[TASK DESCRIPTION]
From the first line of the material below to the line containing "#121=IFCINDEXEDPOLYGONALFACE((5,7,8,6));", repeat every line exactly and add nothing.

---------------

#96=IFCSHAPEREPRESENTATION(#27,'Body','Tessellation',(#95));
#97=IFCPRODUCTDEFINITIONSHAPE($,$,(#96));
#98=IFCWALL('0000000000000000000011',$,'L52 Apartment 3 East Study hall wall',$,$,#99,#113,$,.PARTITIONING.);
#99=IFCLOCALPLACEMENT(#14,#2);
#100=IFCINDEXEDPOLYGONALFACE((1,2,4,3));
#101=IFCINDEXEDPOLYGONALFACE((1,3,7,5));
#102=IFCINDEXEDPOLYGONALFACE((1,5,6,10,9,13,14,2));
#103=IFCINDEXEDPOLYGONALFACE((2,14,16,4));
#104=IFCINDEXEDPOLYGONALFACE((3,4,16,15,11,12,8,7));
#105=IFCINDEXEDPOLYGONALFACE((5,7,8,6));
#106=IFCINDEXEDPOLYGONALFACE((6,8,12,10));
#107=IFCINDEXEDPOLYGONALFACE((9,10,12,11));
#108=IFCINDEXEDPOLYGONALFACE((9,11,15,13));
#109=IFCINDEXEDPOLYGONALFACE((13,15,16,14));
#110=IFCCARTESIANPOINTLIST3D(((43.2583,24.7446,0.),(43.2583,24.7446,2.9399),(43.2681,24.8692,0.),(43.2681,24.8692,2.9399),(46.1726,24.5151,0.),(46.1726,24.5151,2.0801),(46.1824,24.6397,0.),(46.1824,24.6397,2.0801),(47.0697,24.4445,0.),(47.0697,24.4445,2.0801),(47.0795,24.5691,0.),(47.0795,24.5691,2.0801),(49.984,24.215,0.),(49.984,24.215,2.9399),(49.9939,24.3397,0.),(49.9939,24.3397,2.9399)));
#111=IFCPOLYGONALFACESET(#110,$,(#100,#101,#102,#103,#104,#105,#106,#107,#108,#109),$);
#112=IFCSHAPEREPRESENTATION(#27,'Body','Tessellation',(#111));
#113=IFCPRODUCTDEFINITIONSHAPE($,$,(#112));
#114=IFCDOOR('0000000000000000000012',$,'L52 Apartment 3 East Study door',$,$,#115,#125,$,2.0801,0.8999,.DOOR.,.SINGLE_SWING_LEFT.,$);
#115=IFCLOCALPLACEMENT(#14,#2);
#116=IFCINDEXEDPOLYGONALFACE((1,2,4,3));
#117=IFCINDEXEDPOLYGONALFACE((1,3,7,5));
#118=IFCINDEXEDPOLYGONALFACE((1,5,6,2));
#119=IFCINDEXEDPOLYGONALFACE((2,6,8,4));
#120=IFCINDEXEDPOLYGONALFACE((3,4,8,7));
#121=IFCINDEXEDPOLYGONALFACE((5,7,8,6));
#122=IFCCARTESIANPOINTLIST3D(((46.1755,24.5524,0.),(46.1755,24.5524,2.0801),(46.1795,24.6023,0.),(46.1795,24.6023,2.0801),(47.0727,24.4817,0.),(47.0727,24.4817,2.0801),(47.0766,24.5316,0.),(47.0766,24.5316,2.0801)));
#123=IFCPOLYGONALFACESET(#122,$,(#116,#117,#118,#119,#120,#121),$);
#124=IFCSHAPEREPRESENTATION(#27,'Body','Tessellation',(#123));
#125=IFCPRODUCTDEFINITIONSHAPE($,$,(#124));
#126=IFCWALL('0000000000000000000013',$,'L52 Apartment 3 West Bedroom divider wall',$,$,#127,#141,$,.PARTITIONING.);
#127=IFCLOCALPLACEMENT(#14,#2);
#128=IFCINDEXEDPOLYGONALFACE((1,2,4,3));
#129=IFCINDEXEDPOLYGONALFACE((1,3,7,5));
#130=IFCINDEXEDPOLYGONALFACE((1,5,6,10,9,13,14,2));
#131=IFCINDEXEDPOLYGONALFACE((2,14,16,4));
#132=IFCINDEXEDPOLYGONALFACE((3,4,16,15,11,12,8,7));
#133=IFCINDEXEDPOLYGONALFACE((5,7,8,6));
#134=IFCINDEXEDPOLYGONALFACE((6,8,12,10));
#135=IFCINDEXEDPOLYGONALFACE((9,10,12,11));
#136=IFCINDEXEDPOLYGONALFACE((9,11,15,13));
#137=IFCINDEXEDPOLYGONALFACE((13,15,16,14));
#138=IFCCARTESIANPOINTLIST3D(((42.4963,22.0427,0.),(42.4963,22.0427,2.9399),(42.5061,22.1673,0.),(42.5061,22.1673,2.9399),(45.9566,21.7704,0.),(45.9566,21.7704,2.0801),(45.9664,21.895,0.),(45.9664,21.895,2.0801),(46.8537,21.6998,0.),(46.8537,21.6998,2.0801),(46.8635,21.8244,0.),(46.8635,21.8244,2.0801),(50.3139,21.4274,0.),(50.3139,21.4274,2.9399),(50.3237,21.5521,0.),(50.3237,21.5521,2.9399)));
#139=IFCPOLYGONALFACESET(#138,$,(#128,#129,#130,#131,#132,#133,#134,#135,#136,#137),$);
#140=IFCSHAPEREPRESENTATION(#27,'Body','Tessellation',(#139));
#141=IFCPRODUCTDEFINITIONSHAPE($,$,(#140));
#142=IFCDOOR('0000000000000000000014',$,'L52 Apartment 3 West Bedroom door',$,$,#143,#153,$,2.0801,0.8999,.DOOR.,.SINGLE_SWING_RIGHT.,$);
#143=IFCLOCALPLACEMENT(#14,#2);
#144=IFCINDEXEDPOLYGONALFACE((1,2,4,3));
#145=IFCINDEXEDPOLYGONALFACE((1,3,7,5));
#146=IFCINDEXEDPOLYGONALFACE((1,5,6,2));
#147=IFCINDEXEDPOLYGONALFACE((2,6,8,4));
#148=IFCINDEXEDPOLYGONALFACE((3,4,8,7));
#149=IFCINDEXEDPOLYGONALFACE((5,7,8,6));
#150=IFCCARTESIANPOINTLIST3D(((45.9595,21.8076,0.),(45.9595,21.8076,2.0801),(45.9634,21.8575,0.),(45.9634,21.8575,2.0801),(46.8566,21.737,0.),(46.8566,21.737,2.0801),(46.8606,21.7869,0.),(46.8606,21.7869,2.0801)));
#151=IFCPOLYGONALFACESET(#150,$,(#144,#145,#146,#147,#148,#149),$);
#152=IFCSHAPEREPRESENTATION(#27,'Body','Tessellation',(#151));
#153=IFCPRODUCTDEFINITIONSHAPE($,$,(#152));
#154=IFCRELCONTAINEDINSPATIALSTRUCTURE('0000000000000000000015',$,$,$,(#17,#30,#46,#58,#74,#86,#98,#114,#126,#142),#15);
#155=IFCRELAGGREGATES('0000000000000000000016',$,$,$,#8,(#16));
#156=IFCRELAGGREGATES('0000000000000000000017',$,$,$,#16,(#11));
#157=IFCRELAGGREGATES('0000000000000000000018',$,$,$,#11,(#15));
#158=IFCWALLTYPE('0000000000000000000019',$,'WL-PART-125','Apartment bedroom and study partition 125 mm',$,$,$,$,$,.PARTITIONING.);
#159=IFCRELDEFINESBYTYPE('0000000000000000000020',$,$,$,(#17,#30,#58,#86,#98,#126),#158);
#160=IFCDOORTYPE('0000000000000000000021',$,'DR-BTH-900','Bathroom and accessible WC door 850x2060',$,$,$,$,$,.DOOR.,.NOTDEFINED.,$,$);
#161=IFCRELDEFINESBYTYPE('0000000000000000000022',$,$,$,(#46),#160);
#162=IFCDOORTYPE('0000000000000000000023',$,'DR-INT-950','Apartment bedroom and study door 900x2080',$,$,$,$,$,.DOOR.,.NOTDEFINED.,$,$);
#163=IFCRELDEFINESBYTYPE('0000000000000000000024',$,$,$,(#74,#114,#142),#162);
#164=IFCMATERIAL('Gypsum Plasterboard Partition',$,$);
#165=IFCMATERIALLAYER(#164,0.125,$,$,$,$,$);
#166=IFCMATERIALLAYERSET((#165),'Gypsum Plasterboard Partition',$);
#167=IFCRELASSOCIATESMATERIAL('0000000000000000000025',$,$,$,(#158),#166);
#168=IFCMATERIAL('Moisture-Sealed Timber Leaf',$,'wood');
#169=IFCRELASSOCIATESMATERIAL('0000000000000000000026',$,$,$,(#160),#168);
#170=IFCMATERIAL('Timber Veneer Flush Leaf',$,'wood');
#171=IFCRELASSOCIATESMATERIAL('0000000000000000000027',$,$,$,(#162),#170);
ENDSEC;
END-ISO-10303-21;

---------------

[RESULT OF THIS EXERCISE]
#96=IFCSHAPEREPRESENTATION(#27,'Body','Tessellation',(#95));
#97=IFCPRODUCTDEFINITIONSHAPE($,$,(#96));
#98=IFCWALL('0000000000000000000011',$,'L52 Apartment 3 East Study hall wall',$,$,#99,#113,$,.PARTITIONING.);
#99=IFCLOCALPLACEMENT(#14,#2);
#100=IFCINDEXEDPOLYGONALFACE((1,2,4,3));
#101=IFCINDEXEDPOLYGONALFACE((1,3,7,5));
#102=IFCINDEXEDPOLYGONALFACE((1,5,6,10,9,13,14,2));
#103=IFCINDEXEDPOLYGONALFACE((2,14,16,4));
#104=IFCINDEXEDPOLYGONALFACE((3,4,16,15,11,12,8,7));
#105=IFCINDEXEDPOLYGONALFACE((5,7,8,6));
#106=IFCINDEXEDPOLYGONALFACE((6,8,12,10));
#107=IFCINDEXEDPOLYGONALFACE((9,10,12,11));
#108=IFCINDEXEDPOLYGONALFACE((9,11,15,13));
#109=IFCINDEXEDPOLYGONALFACE((13,15,16,14));
#110=IFCCARTESIANPOINTLIST3D(((43.2583,24.7446,0.),(43.2583,24.7446,2.9399),(43.2681,24.8692,0.),(43.2681,24.8692,2.9399),(46.1726,24.5151,0.),(46.1726,24.5151,2.0801),(46.1824,24.6397,0.),(46.1824,24.6397,2.0801),(47.0697,24.4445,0.),(47.0697,24.4445,2.0801),(47.0795,24.5691,0.),(47.0795,24.5691,2.0801),(49.984,24.215,0.),(49.984,24.215,2.9399),(49.9939,24.3397,0.),(49.9939,24.3397,2.9399)));
#111=IFCPOLYGONALFACESET(#110,$,(#100,#101,#102,#103,#104,#105,#106,#107,#108,#109),$);
#112=IFCSHAPEREPRESENTATION(#27,'Body','Tessellation',(#111));
#113=IFCPRODUCTDEFINITIONSHAPE($,$,(#112));
#114=IFCDOOR('0000000000000000000012',$,'L52 Apartment 3 East Study door',$,$,#115,#125,$,2.0801,0.8999,.DOOR.,.SINGLE_SWING_LEFT.,$);
#115=IFCLOCALPLACEMENT(#14,#2);
#116=IFCINDEXEDPOLYGONALFACE((1,2,4,3));
#117=IFCINDEXEDPOLYGONALFACE((1,3,7,5));
#118=IFCINDEXEDPOLYGONALFACE((1,5,6,2));
#119=IFCINDEXEDPOLYGONALFACE((2,6,8,4));
#120=IFCINDEXEDPOLYGONALFACE((3,4,8,7));
#121=IFCINDEXEDPOLYGONALFACE((5,7,8,6));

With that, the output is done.